Stored items

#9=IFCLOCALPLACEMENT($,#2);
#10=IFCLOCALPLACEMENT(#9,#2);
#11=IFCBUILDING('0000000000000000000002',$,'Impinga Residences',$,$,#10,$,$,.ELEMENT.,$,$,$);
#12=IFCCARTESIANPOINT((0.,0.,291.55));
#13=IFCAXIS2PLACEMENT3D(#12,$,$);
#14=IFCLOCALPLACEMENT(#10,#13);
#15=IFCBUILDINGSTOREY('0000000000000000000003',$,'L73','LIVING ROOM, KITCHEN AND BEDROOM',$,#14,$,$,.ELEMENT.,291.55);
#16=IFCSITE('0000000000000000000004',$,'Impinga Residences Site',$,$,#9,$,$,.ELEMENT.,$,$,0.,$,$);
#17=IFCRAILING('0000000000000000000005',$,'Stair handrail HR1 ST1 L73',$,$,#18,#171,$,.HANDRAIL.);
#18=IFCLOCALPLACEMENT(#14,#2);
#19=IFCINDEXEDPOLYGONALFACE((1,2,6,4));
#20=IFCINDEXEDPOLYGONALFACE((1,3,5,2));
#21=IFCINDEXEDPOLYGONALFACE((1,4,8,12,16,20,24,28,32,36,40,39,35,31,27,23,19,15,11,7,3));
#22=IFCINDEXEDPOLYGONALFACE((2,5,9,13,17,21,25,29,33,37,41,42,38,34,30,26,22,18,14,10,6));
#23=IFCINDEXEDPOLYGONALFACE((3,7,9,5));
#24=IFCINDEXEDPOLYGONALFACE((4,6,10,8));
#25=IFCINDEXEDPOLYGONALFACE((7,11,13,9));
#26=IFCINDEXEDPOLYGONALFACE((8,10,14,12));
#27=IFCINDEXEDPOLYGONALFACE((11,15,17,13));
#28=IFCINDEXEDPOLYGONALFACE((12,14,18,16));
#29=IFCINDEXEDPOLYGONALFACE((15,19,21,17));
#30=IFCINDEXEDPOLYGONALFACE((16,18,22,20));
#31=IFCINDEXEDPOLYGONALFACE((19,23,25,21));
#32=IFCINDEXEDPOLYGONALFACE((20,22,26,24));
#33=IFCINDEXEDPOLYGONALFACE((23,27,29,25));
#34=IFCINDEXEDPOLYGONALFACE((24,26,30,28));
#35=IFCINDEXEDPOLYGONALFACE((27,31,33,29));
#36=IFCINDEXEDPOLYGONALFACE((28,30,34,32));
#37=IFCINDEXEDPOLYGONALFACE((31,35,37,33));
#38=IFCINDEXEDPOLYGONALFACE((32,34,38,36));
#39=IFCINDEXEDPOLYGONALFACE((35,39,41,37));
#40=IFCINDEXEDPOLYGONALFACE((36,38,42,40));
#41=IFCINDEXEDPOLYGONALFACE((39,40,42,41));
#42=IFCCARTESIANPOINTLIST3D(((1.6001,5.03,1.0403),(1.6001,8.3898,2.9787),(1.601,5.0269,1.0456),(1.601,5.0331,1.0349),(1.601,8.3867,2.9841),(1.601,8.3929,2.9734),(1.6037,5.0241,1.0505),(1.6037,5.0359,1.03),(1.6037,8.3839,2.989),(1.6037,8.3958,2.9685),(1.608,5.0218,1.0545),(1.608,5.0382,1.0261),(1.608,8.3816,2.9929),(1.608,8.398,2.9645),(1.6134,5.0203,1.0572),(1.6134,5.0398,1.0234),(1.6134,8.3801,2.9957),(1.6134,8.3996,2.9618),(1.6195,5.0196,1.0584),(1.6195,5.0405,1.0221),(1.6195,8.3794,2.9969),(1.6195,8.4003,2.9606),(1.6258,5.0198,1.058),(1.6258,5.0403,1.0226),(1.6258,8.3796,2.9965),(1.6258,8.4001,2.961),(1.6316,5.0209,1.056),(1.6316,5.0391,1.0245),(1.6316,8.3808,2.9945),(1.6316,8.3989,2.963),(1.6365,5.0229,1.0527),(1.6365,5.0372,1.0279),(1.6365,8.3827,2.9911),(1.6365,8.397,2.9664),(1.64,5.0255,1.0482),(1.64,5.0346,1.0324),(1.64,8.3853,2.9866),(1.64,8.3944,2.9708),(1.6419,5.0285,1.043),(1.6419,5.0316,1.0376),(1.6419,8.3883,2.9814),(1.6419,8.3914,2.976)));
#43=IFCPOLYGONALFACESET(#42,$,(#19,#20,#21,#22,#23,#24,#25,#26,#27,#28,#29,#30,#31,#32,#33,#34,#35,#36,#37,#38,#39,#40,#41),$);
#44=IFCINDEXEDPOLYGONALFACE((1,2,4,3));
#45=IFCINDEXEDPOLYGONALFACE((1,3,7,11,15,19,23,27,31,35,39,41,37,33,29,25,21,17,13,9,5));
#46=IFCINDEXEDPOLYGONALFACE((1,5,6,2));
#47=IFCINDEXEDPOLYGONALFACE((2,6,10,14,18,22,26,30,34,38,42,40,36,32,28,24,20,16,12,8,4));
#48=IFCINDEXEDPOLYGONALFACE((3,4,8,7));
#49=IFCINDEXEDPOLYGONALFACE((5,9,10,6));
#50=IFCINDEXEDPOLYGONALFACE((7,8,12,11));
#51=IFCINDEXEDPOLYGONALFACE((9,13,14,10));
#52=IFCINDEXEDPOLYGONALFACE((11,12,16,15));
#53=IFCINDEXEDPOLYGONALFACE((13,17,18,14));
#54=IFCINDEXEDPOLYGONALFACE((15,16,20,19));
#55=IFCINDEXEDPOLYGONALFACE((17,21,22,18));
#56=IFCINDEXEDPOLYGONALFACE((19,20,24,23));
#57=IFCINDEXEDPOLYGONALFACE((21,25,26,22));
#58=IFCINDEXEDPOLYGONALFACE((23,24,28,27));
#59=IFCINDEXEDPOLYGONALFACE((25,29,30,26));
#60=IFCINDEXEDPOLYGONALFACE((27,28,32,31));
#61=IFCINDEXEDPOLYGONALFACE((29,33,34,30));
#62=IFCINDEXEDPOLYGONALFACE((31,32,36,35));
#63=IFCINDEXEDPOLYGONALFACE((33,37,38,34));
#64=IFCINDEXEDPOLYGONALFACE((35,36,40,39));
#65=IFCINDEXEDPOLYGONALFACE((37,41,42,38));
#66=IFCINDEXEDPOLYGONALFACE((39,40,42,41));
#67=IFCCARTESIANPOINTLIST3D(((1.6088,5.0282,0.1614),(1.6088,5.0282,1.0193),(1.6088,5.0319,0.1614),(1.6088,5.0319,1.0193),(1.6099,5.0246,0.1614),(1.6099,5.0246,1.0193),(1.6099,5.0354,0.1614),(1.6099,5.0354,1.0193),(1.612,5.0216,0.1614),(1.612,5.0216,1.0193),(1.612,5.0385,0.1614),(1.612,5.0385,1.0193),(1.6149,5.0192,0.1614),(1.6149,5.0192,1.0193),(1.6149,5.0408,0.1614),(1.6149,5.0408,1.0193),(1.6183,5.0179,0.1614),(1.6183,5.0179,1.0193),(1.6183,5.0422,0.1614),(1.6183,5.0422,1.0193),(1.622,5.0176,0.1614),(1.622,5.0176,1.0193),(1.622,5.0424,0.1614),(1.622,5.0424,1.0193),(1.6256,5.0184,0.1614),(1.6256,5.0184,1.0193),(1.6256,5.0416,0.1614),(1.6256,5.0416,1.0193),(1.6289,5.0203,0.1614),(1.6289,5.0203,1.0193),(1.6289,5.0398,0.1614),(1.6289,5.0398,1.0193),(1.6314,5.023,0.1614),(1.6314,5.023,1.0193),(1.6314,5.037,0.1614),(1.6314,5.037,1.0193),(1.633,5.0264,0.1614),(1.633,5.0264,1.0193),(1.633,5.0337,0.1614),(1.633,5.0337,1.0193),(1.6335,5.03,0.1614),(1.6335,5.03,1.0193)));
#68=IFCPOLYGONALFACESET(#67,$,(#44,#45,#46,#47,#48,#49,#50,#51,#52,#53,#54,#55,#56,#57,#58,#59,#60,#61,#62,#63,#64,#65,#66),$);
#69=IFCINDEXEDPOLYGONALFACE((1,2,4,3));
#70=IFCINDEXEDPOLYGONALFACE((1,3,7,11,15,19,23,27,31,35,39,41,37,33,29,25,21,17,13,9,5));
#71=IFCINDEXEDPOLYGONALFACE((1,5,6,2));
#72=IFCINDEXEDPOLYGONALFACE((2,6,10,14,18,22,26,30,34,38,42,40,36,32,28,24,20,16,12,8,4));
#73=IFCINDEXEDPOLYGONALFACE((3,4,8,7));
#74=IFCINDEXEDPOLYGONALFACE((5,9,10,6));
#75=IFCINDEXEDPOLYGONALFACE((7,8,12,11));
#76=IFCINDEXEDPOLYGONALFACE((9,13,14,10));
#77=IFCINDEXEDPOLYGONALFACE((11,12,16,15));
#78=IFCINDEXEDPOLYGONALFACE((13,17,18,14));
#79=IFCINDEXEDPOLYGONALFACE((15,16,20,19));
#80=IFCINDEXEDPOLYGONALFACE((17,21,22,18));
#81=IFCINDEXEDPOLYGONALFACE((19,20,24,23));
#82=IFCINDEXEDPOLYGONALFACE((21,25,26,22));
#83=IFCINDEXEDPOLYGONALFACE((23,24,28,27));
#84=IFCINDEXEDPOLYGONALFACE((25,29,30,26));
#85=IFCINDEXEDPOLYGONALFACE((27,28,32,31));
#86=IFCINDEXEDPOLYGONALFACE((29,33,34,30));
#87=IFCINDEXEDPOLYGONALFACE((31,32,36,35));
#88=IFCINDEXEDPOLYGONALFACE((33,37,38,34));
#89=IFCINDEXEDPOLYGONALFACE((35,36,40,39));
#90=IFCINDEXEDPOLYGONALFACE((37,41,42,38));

● What you will do
Please go through the data above and copy each line containing the word "IFCPOLYGONALFACESET".

● Output of the task
#43=IFCPOLYGONALFACESET(#42,$,(#19,#20,#21,#22,#23,#24,#25,#26,#27,#28,#29,#30,#31,#32,#33,#34,#35,#36,#37,#38,#39,#40,#41),$);
#68=IFCPOLYGONALFACESET(#67,$,(#44,#45,#46,#47,#48,#49,#50,#51,#52,#53,#54,#55,#56,#57,#58,#59,#60,#61,#62,#63,#64,#65,#66),$);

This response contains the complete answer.